● What to work on:
Needed from the data below: every line from the one with "#183=IFCINDEXEDPOLYGONALFACE((14,16,23,19));" up to and including the one with "#198=IFCINDEXEDPOLYGONALFACE((4,20,24,8));", repeated exactly and with nothing else.

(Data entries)
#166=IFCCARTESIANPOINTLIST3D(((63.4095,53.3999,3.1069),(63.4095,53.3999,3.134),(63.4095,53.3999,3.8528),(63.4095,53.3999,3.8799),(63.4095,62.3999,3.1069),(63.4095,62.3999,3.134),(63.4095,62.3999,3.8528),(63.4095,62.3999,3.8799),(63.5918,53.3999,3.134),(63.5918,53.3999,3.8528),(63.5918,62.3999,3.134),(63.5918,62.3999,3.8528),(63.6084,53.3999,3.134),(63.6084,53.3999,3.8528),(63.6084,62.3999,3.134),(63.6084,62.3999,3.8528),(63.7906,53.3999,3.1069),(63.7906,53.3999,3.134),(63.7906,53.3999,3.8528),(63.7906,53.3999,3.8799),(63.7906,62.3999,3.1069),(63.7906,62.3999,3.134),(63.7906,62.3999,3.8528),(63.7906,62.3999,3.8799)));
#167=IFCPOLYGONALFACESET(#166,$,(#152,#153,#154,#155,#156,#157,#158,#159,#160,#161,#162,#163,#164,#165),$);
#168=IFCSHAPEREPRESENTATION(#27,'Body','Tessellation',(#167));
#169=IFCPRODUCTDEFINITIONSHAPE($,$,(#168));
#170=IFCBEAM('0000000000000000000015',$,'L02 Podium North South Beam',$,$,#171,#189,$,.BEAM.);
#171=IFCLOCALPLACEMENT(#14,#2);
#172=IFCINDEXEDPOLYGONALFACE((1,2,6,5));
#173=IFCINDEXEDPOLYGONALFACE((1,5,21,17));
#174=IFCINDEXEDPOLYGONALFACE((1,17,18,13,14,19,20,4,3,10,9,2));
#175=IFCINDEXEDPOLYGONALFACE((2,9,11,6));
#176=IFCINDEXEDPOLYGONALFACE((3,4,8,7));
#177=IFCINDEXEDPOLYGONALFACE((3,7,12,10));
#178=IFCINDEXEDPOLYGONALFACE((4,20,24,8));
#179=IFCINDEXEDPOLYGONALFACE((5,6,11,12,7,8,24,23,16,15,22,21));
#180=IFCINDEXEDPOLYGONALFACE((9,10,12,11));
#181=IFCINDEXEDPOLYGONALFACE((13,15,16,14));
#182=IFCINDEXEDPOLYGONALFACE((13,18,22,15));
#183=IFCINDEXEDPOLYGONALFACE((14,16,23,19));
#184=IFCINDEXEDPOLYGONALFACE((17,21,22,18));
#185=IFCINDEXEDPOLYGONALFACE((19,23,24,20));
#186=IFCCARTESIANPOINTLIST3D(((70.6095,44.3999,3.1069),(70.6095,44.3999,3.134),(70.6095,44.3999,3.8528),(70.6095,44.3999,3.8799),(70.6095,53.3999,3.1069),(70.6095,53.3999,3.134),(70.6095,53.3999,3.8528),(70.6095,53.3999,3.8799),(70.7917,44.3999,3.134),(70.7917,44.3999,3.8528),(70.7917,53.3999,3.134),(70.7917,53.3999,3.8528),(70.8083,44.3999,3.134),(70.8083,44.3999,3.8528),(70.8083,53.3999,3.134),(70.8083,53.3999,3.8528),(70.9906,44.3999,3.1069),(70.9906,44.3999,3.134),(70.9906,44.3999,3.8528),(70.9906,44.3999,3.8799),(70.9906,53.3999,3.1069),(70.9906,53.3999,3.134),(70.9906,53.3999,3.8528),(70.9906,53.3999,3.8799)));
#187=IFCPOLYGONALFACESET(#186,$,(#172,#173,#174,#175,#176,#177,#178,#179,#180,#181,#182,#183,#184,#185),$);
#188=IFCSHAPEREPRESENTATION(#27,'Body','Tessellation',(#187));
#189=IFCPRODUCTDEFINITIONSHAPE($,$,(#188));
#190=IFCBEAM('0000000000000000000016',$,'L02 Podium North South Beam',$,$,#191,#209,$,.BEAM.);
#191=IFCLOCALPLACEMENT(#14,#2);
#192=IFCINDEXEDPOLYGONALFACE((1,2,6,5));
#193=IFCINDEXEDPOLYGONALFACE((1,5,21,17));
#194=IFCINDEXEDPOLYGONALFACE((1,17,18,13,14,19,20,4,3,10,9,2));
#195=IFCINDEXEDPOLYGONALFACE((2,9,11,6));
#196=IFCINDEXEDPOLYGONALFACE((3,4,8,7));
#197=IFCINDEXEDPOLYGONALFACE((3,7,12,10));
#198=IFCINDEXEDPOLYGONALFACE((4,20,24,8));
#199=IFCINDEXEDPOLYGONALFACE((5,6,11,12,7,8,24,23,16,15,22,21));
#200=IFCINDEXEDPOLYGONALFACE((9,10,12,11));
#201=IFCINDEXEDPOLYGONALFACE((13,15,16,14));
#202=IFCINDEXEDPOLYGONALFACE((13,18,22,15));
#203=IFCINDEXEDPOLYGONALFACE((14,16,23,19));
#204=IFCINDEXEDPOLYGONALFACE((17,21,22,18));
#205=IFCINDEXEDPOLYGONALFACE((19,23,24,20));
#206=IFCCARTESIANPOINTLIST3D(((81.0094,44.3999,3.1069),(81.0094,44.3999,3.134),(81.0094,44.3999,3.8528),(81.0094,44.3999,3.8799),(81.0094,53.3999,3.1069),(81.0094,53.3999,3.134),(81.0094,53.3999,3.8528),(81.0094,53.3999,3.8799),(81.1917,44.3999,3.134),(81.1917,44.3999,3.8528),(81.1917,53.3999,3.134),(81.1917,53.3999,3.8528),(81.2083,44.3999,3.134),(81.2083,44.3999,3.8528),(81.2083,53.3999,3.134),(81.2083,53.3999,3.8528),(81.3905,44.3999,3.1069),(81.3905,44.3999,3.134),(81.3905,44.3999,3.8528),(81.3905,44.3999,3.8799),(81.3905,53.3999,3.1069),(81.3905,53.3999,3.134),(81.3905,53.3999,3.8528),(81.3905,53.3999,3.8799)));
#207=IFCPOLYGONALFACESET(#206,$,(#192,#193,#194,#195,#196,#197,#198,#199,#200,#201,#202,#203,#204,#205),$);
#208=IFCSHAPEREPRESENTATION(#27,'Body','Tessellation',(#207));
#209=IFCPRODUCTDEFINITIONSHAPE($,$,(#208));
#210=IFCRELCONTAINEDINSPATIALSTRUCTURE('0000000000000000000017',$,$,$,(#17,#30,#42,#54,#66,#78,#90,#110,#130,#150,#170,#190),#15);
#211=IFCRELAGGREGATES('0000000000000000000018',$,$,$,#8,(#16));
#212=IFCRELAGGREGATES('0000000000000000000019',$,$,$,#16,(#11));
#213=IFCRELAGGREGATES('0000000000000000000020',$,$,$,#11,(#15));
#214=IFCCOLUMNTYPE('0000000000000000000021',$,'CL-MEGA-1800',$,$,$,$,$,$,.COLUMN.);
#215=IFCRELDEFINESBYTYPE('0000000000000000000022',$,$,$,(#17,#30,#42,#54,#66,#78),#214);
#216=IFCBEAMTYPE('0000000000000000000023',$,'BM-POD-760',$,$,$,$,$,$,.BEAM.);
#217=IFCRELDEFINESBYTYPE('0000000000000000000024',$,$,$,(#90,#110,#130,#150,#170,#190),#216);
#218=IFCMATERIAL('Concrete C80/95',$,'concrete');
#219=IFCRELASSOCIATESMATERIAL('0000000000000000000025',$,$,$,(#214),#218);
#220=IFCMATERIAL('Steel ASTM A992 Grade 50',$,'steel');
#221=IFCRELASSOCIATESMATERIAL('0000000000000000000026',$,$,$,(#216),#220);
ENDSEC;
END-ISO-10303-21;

● Output of the task:
#183=IFCINDEXEDPOLYGONALFACE((14,16,23,19));
#184=IFCINDEXEDPOLYGONALFACE((17,21,22,18));
#185=IFCINDEXEDPOLYGONALFACE((19,23,24,20));
#186=IFCCARTESIANPOINTLIST3D(((70.6095,44.3999,3.1069),(70.6095,44.3999,3.134),(70.6095,44.3999,3.8528),(70.6095,44.3999,3.8799),(70.6095,53.3999,3.1069),(70.6095,53.3999,3.134),(70.6095,53.3999,3.8528),(70.6095,53.3999,3.8799),(70.7917,44.3999,3.134),(70.7917,44.3999,3.8528),(70.7917,53.3999,3.134),(70.7917,53.3999,3.8528),(70.8083,44.3999,3.134),(70.8083,44.3999,3.8528),(70.8083,53.3999,3.134),(70.8083,53.3999,3.8528),(70.9906,44.3999,3.1069),(70.9906,44.3999,3.134),(70.9906,44.3999,3.8528),(70.9906,44.3999,3.8799),(70.9906,53.3999,3.1069),(70.9906,53.3999,3.134),(70.9906,53.3999,3.8528),(70.9906,53.3999,3.8799)));
#187=IFCPOLYGONALFACESET(#186,$,(#172,#173,#174,#175,#176,#177,#178,#179,#180,#181,#182,#183,#184,#185),$);
#188=IFCSHAPEREPRESENTATION(#27,'Body','Tessellation',(#187));
#189=IFCPRODUCTDEFINITIONSHAPE($,$,(#188));
#190=IFCBEAM('0000000000000000000016',$,'L02 Podium North South Beam',$,$,#191,#209,$,.BEAM.);
#191=IFCLOCALPLACEMENT(#14,#2);
#192=IFCINDEXEDPOLYGONALFACE((1,2,6,5));
#193=IFCINDEXEDPOLYGONALFACE((1,5,21,17));
#194=IFCINDEXEDPOLYGONALFACE((1,17,18,13,14,19,20,4,3,10,9,2));
#195=IFCINDEXEDPOLYGONALFACE((2,9,11,6));
#196=IFCINDEXEDPOLYGONALFACE((3,4,8,7));
#197=IFCINDEXEDPOLYGONALFACE((3,7,12,10));
#198=IFCINDEXEDPOLYGONALFACE((4,20,24,8));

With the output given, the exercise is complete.